[Collected data]
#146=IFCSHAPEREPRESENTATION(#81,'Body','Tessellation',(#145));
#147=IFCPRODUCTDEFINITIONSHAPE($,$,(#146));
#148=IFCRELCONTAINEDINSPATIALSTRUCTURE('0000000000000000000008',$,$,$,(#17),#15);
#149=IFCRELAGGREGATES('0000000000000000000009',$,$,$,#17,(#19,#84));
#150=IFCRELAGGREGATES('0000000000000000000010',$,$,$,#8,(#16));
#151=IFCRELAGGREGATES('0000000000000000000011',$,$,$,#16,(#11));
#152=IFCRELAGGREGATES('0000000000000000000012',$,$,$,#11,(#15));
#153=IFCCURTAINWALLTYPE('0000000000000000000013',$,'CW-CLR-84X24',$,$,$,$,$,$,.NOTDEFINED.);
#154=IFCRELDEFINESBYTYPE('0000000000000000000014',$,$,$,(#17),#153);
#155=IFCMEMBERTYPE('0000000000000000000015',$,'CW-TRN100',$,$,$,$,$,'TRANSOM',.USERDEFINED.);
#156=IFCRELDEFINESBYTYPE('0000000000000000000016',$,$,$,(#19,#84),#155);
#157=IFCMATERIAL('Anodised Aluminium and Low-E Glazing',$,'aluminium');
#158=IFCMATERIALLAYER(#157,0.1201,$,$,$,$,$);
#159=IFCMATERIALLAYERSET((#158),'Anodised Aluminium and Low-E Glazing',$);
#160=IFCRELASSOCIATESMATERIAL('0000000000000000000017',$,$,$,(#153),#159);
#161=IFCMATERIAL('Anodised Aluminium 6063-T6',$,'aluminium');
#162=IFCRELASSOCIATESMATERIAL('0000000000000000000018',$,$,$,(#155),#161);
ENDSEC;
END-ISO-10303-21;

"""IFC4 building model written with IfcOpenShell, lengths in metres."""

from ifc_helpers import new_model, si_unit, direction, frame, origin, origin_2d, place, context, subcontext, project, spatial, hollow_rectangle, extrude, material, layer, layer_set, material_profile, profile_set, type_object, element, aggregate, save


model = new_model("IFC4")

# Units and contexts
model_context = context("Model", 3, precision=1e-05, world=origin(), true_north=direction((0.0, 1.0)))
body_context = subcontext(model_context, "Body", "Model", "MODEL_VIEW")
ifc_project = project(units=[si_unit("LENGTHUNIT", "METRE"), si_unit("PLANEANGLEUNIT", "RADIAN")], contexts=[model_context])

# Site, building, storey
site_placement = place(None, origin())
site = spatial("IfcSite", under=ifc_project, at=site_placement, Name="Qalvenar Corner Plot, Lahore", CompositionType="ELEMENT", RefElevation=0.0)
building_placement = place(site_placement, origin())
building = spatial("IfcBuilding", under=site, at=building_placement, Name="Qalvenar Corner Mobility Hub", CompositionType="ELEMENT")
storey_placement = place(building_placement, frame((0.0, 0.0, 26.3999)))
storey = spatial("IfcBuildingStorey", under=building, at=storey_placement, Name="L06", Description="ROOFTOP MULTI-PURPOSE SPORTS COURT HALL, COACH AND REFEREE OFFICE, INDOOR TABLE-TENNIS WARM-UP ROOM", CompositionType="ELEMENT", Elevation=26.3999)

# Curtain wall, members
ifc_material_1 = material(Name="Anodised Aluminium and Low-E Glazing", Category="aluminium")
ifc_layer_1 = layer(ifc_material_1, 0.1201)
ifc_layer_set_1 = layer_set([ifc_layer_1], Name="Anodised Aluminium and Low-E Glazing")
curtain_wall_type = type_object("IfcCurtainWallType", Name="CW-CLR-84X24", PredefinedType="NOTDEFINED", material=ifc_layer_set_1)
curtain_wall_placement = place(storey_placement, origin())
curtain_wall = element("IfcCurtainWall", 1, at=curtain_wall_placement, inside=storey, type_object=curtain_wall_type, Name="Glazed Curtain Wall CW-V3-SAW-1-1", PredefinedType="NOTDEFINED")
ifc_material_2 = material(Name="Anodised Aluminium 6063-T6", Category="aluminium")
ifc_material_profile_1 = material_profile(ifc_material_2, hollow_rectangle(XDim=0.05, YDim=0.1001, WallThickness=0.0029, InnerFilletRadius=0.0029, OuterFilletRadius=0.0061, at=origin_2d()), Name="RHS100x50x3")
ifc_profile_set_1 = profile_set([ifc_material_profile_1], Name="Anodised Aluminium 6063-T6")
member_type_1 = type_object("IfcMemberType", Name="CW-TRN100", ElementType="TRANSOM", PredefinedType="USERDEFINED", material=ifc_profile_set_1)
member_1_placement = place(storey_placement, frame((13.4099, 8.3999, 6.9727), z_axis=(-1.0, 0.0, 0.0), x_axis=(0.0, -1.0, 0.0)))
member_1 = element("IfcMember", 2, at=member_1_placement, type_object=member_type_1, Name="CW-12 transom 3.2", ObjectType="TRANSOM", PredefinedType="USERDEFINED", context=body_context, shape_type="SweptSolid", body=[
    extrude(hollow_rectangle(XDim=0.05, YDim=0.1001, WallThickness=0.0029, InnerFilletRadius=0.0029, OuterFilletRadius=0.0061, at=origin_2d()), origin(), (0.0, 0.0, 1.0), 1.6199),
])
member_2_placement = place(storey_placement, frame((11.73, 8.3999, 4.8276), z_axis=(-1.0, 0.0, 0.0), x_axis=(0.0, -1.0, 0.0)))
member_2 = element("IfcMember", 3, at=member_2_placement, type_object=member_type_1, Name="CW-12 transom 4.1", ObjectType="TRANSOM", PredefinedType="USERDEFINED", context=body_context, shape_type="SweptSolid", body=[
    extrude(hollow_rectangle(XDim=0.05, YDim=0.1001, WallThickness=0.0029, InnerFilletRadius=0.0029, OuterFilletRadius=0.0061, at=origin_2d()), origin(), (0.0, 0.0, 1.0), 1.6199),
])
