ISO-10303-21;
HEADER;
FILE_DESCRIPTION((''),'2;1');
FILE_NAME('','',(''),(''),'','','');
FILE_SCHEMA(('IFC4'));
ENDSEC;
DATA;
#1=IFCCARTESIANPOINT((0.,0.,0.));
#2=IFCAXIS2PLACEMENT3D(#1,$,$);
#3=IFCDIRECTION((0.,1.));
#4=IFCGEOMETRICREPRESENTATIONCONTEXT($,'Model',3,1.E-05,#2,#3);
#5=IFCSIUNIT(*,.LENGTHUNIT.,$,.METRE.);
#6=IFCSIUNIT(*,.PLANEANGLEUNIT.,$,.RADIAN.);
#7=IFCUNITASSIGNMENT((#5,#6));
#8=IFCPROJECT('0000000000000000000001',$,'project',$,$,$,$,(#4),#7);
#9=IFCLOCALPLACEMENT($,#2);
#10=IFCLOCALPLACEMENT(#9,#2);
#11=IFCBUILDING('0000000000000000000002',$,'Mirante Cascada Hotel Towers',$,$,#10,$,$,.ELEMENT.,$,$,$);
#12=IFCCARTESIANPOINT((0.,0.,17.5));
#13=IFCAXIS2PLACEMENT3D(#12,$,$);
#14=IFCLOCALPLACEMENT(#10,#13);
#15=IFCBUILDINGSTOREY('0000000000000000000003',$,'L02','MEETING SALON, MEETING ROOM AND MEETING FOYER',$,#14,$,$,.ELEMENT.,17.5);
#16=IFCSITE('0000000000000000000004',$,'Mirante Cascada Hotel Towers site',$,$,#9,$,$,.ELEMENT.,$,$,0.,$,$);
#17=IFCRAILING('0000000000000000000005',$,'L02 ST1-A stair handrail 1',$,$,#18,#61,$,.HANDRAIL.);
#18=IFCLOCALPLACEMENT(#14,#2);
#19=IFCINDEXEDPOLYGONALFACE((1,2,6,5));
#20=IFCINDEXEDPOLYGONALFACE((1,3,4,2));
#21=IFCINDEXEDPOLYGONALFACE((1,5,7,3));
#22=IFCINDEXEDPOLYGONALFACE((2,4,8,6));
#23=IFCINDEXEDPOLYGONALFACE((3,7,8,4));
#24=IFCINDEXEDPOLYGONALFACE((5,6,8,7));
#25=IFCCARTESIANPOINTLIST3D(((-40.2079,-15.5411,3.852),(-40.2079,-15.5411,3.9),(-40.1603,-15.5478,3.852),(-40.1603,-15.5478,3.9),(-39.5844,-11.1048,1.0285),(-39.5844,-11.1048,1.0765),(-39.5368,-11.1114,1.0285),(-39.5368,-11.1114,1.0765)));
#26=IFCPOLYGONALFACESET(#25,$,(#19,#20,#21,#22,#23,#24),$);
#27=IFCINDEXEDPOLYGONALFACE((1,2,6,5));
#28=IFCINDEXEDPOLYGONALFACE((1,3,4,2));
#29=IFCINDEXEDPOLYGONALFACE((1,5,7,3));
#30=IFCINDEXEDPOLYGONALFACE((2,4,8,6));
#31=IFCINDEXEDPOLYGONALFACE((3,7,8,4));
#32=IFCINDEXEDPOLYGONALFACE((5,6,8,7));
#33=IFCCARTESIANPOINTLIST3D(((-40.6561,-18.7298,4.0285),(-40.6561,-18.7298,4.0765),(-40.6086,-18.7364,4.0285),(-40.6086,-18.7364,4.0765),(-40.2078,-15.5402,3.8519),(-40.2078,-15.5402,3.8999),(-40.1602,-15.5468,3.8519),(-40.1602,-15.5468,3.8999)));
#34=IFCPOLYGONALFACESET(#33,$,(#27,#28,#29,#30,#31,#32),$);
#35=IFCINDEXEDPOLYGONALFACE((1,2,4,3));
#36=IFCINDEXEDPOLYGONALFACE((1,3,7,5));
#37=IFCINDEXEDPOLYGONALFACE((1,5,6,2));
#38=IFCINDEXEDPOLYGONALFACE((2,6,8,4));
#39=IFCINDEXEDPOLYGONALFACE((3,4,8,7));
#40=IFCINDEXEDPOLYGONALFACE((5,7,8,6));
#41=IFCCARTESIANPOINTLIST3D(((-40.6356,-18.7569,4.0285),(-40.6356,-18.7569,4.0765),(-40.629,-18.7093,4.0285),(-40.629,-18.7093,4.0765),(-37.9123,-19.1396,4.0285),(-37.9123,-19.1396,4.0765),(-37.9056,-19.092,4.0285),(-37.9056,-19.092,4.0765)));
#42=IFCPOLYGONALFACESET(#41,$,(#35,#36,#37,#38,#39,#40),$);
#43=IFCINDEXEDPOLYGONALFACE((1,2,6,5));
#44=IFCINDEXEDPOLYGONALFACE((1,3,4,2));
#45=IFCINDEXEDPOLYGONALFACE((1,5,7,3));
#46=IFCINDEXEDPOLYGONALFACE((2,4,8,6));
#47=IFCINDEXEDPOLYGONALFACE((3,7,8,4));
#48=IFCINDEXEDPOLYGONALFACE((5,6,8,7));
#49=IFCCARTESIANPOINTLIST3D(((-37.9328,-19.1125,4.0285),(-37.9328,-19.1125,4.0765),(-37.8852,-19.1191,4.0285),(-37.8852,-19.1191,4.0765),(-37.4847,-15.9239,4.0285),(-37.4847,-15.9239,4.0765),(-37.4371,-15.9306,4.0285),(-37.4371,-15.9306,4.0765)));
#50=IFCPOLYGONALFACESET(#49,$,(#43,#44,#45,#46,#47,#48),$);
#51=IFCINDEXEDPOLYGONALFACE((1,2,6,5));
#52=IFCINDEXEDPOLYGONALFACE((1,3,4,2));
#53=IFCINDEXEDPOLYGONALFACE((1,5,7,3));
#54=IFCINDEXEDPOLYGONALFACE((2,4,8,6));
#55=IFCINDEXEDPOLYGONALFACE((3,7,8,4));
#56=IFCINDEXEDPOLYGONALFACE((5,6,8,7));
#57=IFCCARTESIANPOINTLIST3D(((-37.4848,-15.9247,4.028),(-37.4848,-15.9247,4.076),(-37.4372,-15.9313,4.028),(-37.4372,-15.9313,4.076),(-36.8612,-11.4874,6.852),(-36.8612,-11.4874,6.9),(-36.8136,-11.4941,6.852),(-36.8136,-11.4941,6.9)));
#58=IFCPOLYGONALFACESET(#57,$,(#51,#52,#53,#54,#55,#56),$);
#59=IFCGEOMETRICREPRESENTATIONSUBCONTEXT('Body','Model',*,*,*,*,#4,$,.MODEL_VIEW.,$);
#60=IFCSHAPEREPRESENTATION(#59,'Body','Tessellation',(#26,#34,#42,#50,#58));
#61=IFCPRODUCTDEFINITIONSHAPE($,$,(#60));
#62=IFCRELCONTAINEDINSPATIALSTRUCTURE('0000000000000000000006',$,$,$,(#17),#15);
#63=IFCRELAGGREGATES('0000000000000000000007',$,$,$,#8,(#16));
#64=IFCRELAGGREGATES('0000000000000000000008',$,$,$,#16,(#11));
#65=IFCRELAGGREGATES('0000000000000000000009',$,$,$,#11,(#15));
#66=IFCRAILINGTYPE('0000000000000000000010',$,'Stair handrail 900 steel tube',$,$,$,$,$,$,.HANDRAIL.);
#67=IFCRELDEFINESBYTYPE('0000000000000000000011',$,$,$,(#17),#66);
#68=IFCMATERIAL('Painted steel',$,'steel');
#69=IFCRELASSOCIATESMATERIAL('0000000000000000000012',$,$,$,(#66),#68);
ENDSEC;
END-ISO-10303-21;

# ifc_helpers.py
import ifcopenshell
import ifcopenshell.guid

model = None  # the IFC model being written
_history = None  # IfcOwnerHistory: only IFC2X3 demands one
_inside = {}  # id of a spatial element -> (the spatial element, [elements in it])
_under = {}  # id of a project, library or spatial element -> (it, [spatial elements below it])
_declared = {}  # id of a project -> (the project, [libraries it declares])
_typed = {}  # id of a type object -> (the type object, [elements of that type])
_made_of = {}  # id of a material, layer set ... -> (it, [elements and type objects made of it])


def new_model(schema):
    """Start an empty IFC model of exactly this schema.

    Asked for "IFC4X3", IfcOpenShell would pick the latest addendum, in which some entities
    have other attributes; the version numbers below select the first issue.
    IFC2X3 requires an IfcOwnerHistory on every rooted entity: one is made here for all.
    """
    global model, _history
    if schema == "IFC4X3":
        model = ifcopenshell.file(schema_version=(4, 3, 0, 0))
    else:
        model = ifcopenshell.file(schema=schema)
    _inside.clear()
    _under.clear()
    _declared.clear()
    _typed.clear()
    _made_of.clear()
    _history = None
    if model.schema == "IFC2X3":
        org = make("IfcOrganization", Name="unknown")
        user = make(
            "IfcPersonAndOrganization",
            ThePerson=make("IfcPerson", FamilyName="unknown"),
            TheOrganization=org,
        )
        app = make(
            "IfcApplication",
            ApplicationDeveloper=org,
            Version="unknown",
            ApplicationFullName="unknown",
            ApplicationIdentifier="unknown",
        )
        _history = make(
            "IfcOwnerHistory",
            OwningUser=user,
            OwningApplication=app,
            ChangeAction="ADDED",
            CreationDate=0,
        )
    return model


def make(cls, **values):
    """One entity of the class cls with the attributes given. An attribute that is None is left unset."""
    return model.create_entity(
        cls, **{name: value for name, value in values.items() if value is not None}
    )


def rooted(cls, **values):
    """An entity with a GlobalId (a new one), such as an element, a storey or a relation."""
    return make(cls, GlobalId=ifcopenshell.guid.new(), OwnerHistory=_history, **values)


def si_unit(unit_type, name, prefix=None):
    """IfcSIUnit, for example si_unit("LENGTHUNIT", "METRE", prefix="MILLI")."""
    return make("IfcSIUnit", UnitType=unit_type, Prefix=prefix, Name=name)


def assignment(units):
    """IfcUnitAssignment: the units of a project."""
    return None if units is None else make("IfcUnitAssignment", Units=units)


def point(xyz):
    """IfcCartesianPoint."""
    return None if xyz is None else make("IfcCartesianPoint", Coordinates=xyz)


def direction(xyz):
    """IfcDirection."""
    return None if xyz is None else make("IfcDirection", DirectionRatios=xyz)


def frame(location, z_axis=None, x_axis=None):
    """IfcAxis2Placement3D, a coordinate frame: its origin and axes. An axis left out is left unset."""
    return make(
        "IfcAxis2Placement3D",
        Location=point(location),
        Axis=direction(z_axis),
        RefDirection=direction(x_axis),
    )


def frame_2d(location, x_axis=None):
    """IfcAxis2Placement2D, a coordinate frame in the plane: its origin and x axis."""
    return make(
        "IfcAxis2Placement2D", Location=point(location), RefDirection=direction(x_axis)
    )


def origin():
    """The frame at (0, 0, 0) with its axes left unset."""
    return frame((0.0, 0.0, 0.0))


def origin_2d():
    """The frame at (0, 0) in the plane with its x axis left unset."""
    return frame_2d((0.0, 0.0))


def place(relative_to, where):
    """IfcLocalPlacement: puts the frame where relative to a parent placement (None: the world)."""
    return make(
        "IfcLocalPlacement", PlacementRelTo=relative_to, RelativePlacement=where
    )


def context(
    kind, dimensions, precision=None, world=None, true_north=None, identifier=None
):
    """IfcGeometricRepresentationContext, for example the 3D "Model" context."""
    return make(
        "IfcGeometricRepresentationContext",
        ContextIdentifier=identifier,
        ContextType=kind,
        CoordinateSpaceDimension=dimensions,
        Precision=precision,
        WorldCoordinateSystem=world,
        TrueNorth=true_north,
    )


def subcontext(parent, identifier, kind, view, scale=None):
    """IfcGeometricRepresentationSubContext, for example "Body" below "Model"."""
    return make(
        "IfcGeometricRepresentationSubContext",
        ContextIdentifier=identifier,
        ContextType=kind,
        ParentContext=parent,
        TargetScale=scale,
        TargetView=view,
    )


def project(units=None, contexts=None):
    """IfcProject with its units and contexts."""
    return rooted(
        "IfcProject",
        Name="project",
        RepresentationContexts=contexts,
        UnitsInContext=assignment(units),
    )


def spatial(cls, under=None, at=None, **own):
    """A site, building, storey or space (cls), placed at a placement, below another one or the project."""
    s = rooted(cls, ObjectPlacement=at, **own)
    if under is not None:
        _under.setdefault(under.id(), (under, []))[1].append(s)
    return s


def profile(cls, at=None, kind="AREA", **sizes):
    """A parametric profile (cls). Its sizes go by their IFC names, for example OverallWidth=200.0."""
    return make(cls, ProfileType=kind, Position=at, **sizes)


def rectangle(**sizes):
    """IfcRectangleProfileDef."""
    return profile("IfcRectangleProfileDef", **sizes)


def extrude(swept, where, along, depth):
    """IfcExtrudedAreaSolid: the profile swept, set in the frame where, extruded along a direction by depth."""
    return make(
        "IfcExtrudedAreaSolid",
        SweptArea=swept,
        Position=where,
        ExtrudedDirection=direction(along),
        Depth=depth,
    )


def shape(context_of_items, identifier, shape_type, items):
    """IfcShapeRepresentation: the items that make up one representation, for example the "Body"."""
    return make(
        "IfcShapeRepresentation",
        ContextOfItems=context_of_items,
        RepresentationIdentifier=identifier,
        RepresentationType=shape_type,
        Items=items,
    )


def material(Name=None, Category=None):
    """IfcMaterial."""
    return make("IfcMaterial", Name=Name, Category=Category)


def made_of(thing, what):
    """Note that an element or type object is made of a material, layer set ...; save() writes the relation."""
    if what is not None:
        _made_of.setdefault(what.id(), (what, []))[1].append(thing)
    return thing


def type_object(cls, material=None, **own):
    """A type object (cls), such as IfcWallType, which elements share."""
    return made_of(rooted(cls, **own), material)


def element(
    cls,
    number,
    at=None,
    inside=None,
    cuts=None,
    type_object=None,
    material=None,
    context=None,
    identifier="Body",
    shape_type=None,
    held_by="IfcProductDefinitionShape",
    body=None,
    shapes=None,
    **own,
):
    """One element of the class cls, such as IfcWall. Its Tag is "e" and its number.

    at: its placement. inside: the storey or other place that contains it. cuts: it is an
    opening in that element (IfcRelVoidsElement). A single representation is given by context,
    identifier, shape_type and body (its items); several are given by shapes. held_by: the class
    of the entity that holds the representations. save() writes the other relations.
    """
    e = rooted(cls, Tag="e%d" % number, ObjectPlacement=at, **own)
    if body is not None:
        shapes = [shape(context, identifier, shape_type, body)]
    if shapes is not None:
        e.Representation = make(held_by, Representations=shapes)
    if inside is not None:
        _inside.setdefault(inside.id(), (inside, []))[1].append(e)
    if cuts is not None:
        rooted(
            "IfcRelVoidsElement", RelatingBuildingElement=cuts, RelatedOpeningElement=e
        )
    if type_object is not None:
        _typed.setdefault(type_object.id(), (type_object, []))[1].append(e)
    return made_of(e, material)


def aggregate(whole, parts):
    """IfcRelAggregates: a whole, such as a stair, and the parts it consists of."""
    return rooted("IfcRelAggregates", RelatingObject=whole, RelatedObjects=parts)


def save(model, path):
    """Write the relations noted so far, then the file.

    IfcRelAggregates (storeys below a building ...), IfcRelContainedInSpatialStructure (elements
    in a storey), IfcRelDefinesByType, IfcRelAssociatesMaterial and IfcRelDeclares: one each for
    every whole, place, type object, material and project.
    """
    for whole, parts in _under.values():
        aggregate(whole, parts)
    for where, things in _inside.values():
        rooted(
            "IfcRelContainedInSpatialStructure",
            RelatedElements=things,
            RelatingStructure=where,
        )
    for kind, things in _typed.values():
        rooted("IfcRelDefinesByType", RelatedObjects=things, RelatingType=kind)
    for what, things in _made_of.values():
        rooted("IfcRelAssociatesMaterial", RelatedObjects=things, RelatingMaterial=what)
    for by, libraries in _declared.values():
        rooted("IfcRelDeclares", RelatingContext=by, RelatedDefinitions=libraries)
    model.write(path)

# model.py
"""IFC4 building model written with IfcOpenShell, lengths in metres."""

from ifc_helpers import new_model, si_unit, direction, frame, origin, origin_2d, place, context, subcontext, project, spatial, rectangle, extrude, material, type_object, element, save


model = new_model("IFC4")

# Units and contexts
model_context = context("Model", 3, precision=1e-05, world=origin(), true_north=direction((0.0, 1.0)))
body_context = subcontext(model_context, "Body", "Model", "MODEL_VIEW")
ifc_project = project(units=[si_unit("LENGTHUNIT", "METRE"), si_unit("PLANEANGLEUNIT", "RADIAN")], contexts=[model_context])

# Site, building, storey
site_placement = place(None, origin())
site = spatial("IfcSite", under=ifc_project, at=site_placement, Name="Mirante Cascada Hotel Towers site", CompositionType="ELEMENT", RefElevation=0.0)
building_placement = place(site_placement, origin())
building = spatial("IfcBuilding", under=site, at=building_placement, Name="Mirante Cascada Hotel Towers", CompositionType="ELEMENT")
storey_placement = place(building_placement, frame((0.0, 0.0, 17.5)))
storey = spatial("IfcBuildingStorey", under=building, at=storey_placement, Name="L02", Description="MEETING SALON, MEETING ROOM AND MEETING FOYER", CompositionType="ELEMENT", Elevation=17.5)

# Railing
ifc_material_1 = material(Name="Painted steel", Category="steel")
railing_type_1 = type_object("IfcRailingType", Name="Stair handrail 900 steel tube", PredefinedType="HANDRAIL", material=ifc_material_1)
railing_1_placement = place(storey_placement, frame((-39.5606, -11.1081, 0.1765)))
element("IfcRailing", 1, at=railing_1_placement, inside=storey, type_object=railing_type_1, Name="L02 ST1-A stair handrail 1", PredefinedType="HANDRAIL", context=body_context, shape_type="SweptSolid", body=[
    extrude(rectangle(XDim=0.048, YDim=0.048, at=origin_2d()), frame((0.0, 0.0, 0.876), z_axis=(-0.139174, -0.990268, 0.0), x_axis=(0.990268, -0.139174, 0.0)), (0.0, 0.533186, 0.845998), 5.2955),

# [Exercise brief]
Begin at the first line of the records above and quote every line verbatim through the one that contains "#151=IFCRELAGGREGATES('0000000000000000000011',$,$,$,#16,(#11));".

# [Answer]
#146=IFCSHAPEREPRESENTATION(#81,'Body','Tessellation',(#145));
#147=IFCPRODUCTDEFINITIONSHAPE($,$,(#146));
#148=IFCRELCONTAINEDINSPATIALSTRUCTURE('0000000000000000000008',$,$,$,(#17),#15);
#149=IFCRELAGGREGATES('0000000000000000000009',$,$,$,#17,(#19,#84));
#150=IFCRELAGGREGATES('0000000000000000000010',$,$,$,#8,(#16));
#151=IFCRELAGGREGATES('0000000000000000000011',$,$,$,#16,(#11));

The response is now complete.